■ Problem to work on ■
Every line of the data is to be reproduced exactly.

■ Input records ■

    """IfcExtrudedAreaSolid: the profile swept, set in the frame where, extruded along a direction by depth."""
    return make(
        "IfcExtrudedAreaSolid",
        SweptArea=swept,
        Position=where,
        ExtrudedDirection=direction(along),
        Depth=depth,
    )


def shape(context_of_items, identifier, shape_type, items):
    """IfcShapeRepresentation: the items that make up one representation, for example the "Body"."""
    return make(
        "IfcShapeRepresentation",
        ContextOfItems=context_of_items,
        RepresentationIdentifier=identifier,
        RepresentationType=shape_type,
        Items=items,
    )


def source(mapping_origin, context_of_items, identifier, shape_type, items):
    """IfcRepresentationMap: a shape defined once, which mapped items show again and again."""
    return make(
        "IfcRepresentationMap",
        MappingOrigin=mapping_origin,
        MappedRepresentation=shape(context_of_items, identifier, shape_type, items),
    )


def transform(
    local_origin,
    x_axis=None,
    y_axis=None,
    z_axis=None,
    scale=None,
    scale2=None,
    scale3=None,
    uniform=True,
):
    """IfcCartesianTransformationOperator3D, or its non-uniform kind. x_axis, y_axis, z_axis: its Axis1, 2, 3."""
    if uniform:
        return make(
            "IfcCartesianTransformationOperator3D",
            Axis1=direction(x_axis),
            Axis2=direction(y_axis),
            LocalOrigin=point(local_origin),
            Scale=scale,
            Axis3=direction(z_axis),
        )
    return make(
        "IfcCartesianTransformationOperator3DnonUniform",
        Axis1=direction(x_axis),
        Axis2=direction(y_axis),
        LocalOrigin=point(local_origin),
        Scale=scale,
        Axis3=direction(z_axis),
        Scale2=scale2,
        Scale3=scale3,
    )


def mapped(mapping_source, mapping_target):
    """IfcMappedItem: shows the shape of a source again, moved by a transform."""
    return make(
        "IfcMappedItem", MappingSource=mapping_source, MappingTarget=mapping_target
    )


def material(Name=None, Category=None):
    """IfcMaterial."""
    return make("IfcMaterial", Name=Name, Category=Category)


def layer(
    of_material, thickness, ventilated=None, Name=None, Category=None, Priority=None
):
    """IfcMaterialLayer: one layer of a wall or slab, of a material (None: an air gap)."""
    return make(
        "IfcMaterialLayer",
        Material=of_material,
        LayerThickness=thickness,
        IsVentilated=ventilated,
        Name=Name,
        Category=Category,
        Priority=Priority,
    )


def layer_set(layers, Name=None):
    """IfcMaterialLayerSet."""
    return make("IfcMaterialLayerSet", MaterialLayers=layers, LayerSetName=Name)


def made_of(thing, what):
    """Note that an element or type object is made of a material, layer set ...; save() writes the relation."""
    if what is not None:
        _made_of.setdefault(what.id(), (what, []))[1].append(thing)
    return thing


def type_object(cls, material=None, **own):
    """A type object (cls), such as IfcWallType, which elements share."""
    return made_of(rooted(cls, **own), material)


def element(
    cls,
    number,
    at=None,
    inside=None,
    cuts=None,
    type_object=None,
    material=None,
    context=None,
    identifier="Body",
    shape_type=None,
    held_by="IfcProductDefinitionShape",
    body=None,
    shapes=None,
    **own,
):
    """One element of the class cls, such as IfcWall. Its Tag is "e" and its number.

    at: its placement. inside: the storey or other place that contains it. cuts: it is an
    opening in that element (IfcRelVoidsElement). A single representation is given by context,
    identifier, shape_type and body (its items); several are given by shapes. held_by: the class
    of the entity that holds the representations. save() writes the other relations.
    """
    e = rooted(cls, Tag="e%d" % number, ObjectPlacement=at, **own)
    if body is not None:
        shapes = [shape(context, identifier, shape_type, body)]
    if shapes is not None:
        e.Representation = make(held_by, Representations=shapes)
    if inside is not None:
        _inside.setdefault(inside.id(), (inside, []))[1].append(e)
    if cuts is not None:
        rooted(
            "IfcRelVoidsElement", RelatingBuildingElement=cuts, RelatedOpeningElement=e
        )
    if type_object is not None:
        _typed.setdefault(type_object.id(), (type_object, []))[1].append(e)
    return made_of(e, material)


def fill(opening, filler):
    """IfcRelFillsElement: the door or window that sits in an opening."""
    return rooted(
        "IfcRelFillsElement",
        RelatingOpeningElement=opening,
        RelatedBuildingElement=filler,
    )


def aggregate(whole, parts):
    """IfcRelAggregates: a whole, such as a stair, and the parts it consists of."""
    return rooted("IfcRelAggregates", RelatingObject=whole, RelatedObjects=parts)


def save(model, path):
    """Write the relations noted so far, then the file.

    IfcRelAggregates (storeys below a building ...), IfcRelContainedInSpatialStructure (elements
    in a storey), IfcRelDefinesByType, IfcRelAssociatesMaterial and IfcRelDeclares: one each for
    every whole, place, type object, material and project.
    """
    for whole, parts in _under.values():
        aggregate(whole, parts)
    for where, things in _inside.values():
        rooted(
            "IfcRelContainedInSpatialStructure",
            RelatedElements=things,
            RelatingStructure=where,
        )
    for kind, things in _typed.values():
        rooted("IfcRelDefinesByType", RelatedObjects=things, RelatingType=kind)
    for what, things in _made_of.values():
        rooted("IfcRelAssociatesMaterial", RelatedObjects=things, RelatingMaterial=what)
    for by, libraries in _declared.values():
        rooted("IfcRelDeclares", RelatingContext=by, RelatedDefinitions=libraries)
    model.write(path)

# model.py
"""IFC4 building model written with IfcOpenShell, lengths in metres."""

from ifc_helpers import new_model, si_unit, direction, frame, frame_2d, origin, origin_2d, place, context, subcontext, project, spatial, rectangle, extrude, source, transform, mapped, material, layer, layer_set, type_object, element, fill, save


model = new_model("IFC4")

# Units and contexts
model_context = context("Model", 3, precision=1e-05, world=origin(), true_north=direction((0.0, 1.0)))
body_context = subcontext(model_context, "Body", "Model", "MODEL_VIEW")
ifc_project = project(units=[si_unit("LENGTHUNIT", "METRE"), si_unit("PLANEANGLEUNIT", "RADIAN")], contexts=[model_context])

■ Result of this task ■
    """IfcExtrudedAreaSolid: the profile swept, set in the frame where, extruded along a direction by depth."""
    return make(
        "IfcExtrudedAreaSolid",
        SweptArea=swept,
        Position=where,
        ExtrudedDirection=direction(along),
        Depth=depth,
    )


def shape(context_of_items, identifier, shape_type, items):
    """IfcShapeRepresentation: the items that make up one representation, for example the "Body"."""
    return make(
        "IfcShapeRepresentation",
        ContextOfItems=context_of_items,
        RepresentationIdentifier=identifier,
        RepresentationType=shape_type,
        Items=items,
    )


def source(mapping_origin, context_of_items, identifier, shape_type, items):
    """IfcRepresentationMap: a shape defined once, which mapped items show again and again."""
    return make(
        "IfcRepresentationMap",
        MappingOrigin=mapping_origin,
        MappedRepresentation=shape(context_of_items, identifier, shape_type, items),
    )


def transform(
    local_origin,
    x_axis=None,
    y_axis=None,
    z_axis=None,
    scale=None,
    scale2=None,
    scale3=None,
    uniform=True,
):
    """IfcCartesianTransformationOperator3D, or its non-uniform kind. x_axis, y_axis, z_axis: its Axis1, 2, 3."""
    if uniform:
        return make(
            "IfcCartesianTransformationOperator3D",
            Axis1=direction(x_axis),
            Axis2=direction(y_axis),
            LocalOrigin=point(local_origin),
            Scale=scale,
            Axis3=direction(z_axis),
        )
    return make(
        "IfcCartesianTransformationOperator3DnonUniform",
        Axis1=direction(x_axis),
        Axis2=direction(y_axis),
        LocalOrigin=point(local_origin),
        Scale=scale,
        Axis3=direction(z_axis),
        Scale2=scale2,
        Scale3=scale3,
    )


def mapped(mapping_source, mapping_target):
    """IfcMappedItem: shows the shape of a source again, moved by a transform."""
    return make(
        "IfcMappedItem", MappingSource=mapping_source, MappingTarget=mapping_target
    )


def material(Name=None, Category=None):
    """IfcMaterial."""
    return make("IfcMaterial", Name=Name, Category=Category)


def layer(
    of_material, thickness, ventilated=None, Name=None, Category=None, Priority=None
):
    """IfcMaterialLayer: one layer of a wall or slab, of a material (None: an air gap)."""
    return make(
        "IfcMaterialLayer",
        Material=of_material,
        LayerThickness=thickness,
        IsVentilated=ventilated,
        Name=Name,
        Category=Category,
        Priority=Priority,
    )


def layer_set(layers, Name=None):
    """IfcMaterialLayerSet."""
    return make("IfcMaterialLayerSet", MaterialLayers=layers, LayerSetName=Name)


def made_of(thing, what):
    """Note that an element or type object is made of a material, layer set ...; save() writes the relation."""
    if what is not None:
        _made_of.setdefault(what.id(), (what, []))[1].append(thing)
    return thing


def type_object(cls, material=None, **own):
    """A type object (cls), such as IfcWallType, which elements share."""
    return made_of(rooted(cls, **own), material)


def element(
    cls,
    number,
    at=None,
    inside=None,
    cuts=None,
    type_object=None,
    material=None,
    context=None,
    identifier="Body",
    shape_type=None,
    held_by="IfcProductDefinitionShape",
    body=None,
    shapes=None,
    **own,
):
    """One element of the class cls, such as IfcWall. Its Tag is "e" and its number.

    at: its placement. inside: the storey or other place that contains it. cuts: it is an
    opening in that element (IfcRelVoidsElement). A single representation is given by context,
    identifier, shape_type and body (its items); several are given by shapes. held_by: the class
    of the entity that holds the representations. save() writes the other relations.
    """
    e = rooted(cls, Tag="e%d" % number, ObjectPlacement=at, **own)
    if body is not None:
        shapes = [shape(context, identifier, shape_type, body)]
    if shapes is not None:
        e.Representation = make(held_by, Representations=shapes)
    if inside is not None:
        _inside.setdefault(inside.id(), (inside, []))[1].append(e)
    if cuts is not None:
        rooted(
            "IfcRelVoidsElement", RelatingBuildingElement=cuts, RelatedOpeningElement=e
        )
    if type_object is not None:
        _typed.setdefault(type_object.id(), (type_object, []))[1].append(e)
    return made_of(e, material)


def fill(opening, filler):
    """IfcRelFillsElement: the door or window that sits in an opening."""
    return rooted(
        "IfcRelFillsElement",
        RelatingOpeningElement=opening,
        RelatedBuildingElement=filler,
    )


def aggregate(whole, parts):
    """IfcRelAggregates: a whole, such as a stair, and the parts it consists of."""
    return rooted("IfcRelAggregates", RelatingObject=whole, RelatedObjects=parts)


def save(model, path):
    """Write the relations noted so far, then the file.

    IfcRelAggregates (storeys below a building ...), IfcRelContainedInSpatialStructure (elements
    in a storey), IfcRelDefinesByType, IfcRelAssociatesMaterial and IfcRelDeclares: one each for
    every whole, place, type object, material and project.
    """
    for whole, parts in _under.values():
        aggregate(whole, parts)
    for where, things in _inside.values():
        rooted(
            "IfcRelContainedInSpatialStructure",
            RelatedElements=things,
            RelatingStructure=where,
        )
    for kind, things in _typed.values():
        rooted("IfcRelDefinesByType", RelatedObjects=things, RelatingType=kind)
    for what, things in _made_of.values():
        rooted("IfcRelAssociatesMaterial", RelatedObjects=things, RelatingMaterial=what)
    for by, libraries in _declared.values():
        rooted("IfcRelDeclares", RelatingContext=by, RelatedDefinitions=libraries)
    model.write(path)

# model.py
"""IFC4 building model written with IfcOpenShell, lengths in metres."""

from ifc_helpers import new_model, si_unit, direction, frame, frame_2d, origin, origin_2d, place, context, subcontext, project, spatial, rectangle, extrude, source, transform, mapped, material, layer, layer_set, type_object, element, fill, save


model = new_model("IFC4")

# Units and contexts
model_context = context("Model", 3, precision=1e-05, world=origin(), true_north=direction((0.0, 1.0)))
body_context = subcontext(model_context, "Body", "Model", "MODEL_VIEW")
ifc_project = project(units=[si_unit("LENGTHUNIT", "METRE"), si_unit("PLANEANGLEUNIT", "RADIAN")], contexts=[model_context])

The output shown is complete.